The problem: Given the material below, output exactly the lines from the line with "#173=IFCINDEXEDPOLYGONALFACE((1,3,15,13));" to the line with "#177=IFCINDEXEDPOLYGONALFACE((5,7,8,6));", both ends included, and no other lines.

Records supplied:
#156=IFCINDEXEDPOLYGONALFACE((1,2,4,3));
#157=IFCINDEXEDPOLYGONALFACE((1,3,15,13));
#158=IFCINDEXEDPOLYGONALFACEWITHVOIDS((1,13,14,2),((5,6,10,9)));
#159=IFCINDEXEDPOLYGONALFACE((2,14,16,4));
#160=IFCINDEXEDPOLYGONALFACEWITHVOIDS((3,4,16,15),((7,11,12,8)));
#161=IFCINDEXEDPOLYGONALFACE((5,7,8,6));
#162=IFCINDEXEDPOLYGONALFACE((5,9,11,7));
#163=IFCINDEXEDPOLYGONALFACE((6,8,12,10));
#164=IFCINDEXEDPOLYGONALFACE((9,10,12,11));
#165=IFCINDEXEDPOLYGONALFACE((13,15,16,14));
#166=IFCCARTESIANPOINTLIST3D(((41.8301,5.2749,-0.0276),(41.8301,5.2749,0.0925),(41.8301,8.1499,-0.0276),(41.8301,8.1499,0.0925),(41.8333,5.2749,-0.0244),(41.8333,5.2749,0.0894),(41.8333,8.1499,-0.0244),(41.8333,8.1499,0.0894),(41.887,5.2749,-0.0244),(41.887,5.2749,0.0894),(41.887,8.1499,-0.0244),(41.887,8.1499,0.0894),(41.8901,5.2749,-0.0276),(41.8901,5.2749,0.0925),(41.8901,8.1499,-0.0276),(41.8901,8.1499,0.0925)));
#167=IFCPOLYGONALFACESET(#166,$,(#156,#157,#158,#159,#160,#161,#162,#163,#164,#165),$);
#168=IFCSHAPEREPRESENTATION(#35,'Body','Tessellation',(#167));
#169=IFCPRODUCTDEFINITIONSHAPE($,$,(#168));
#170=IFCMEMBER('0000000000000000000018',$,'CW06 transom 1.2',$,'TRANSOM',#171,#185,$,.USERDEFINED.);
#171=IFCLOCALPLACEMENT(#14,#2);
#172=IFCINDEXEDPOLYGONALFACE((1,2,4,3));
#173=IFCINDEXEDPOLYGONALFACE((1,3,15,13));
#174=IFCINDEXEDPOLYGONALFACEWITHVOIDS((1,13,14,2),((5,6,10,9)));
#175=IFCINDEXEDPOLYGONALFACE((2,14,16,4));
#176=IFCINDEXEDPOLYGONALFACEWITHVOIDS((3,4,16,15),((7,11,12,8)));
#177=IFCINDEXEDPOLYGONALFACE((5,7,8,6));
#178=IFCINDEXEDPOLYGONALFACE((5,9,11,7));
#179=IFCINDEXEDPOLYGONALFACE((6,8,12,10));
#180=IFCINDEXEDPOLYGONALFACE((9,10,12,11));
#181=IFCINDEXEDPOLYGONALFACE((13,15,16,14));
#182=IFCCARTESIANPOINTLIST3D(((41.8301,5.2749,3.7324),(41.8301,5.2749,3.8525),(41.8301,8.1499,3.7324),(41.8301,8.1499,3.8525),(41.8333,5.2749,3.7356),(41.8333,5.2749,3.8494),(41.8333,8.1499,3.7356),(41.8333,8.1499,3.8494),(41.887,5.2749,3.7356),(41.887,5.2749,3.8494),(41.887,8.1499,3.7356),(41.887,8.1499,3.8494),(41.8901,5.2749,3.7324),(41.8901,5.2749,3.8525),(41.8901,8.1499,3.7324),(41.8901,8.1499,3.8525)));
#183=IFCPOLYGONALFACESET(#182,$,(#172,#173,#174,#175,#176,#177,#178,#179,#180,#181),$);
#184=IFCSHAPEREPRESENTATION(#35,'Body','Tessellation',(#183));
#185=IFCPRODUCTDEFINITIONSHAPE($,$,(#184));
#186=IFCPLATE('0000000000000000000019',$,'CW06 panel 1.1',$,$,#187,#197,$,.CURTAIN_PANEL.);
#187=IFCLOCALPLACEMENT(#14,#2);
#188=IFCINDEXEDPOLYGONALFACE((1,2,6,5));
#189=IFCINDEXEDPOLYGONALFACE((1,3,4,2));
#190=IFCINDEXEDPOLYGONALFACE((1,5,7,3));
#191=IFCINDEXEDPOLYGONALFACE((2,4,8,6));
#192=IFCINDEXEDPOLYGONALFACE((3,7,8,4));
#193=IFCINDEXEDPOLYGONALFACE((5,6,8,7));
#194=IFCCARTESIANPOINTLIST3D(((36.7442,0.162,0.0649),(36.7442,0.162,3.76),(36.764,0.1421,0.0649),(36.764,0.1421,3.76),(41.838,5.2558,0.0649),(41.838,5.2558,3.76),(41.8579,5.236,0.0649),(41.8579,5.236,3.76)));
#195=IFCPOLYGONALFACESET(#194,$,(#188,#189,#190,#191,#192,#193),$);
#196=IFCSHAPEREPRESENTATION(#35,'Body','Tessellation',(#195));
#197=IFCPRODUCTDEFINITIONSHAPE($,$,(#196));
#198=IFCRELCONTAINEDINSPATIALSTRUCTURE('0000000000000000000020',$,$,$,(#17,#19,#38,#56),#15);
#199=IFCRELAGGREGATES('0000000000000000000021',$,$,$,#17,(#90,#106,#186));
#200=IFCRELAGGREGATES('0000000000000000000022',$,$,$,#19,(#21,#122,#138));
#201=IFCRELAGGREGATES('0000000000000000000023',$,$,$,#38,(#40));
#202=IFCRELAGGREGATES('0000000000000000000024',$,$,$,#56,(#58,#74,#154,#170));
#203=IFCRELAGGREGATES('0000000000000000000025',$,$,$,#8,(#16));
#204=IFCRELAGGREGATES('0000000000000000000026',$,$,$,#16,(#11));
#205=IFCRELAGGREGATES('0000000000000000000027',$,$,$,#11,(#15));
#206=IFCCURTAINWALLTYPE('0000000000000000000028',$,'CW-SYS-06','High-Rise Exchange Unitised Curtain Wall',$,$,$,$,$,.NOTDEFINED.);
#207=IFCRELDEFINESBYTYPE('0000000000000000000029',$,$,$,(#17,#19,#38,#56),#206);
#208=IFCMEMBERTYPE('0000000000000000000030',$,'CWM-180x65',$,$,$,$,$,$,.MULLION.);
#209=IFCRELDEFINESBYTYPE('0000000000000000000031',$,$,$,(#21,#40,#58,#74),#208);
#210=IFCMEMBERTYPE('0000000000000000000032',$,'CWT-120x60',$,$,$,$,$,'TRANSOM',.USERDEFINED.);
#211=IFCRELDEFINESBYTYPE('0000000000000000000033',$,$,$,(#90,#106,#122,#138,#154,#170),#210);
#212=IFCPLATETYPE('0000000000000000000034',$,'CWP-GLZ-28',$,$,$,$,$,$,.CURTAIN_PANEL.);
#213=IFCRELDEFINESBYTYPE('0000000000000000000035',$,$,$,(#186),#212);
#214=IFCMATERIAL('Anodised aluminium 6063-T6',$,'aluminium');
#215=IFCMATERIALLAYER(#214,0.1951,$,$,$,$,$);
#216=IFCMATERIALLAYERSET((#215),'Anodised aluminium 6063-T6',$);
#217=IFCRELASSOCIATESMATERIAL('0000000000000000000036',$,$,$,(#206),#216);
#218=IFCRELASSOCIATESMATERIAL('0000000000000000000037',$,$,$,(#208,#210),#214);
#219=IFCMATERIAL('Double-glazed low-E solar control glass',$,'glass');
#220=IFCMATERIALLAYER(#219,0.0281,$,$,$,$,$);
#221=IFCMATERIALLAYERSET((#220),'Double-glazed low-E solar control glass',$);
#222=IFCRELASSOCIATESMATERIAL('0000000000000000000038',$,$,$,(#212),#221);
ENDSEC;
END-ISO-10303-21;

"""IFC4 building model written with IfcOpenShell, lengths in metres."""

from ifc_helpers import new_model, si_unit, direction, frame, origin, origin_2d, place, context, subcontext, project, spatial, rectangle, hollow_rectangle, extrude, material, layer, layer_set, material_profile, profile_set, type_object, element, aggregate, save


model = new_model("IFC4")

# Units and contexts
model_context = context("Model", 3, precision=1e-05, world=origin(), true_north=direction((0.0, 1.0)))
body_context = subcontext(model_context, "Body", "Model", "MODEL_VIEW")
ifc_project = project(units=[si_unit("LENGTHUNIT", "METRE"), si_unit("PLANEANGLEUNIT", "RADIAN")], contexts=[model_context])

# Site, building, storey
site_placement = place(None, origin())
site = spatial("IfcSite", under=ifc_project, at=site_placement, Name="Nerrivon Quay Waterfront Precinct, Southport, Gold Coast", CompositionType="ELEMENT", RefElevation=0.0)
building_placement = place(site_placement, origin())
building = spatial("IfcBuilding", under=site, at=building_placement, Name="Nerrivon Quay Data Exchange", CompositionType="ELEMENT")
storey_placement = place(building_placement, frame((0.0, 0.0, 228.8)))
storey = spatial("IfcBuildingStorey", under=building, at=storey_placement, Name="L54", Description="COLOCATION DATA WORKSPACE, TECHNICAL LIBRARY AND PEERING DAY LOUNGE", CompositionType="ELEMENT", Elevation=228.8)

---

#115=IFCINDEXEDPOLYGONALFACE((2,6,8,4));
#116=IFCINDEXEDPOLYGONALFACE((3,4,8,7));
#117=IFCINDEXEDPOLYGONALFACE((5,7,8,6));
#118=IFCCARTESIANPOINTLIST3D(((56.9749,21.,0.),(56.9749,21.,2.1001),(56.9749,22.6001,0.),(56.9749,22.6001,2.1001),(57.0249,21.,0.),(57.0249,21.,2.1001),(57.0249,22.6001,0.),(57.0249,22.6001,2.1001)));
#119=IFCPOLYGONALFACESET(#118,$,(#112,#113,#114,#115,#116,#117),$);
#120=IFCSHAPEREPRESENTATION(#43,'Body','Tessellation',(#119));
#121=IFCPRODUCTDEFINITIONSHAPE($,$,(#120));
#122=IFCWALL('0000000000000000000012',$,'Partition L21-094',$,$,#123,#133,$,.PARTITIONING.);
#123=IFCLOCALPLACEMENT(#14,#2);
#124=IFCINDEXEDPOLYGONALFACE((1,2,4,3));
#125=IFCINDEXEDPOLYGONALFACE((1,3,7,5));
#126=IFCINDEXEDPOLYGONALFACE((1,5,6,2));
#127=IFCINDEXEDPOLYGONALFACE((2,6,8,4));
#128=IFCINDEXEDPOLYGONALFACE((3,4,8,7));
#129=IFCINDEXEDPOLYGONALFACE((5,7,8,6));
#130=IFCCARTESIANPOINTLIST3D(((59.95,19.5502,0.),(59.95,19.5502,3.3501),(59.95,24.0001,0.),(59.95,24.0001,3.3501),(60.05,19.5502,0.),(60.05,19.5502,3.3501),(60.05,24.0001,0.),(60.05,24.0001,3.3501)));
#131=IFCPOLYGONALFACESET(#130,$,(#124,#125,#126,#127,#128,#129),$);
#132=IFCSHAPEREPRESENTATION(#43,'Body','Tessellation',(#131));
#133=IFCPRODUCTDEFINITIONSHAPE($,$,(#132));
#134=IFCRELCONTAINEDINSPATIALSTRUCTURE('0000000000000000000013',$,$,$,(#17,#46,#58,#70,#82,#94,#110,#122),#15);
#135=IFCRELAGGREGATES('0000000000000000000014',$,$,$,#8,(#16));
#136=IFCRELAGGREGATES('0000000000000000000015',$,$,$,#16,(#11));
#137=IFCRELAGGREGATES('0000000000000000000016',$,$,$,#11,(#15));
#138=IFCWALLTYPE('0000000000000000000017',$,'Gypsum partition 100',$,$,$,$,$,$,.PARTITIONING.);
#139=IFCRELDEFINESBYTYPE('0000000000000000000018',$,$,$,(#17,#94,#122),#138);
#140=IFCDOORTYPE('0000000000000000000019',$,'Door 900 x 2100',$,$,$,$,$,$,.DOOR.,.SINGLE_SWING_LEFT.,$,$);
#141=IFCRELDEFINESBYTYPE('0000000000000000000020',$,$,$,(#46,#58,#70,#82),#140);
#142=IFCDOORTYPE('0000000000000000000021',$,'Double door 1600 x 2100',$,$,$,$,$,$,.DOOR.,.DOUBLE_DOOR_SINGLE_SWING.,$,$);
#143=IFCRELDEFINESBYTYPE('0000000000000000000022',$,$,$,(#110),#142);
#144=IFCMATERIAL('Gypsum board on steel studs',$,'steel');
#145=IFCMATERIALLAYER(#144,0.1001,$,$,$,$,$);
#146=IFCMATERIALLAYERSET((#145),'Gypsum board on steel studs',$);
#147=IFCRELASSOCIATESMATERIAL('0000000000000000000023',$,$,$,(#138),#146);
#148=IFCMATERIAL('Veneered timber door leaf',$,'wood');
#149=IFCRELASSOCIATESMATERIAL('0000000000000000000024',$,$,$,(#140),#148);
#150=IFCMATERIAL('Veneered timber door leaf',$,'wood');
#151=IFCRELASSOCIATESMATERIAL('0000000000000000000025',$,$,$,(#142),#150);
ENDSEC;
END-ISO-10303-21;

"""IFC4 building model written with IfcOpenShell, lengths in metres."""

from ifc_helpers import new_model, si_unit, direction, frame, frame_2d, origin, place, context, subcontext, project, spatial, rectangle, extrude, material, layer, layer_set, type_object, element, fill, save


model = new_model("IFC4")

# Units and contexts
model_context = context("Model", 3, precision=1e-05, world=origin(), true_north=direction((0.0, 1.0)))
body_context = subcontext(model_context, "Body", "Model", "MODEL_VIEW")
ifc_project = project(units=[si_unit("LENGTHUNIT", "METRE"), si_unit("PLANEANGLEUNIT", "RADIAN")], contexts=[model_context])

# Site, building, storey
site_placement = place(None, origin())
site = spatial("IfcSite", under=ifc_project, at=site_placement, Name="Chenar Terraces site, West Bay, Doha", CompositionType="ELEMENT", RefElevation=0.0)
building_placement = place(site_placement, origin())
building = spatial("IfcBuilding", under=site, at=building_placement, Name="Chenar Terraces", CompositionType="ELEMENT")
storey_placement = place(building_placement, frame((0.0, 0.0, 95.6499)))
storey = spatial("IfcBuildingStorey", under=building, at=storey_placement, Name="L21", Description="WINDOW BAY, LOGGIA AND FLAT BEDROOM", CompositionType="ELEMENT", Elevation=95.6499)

Exercise output:
#173=IFCINDEXEDPOLYGONALFACE((1,3,15,13));
#174=IFCINDEXEDPOLYGONALFACEWITHVOIDS((1,13,14,2),((5,6,10,9)));
#175=IFCINDEXEDPOLYGONALFACE((2,14,16,4));
#176=IFCINDEXEDPOLYGONALFACEWITHVOIDS((3,4,16,15),((7,11,12,8)));
#177=IFCINDEXEDPOLYGONALFACE((5,7,8,6));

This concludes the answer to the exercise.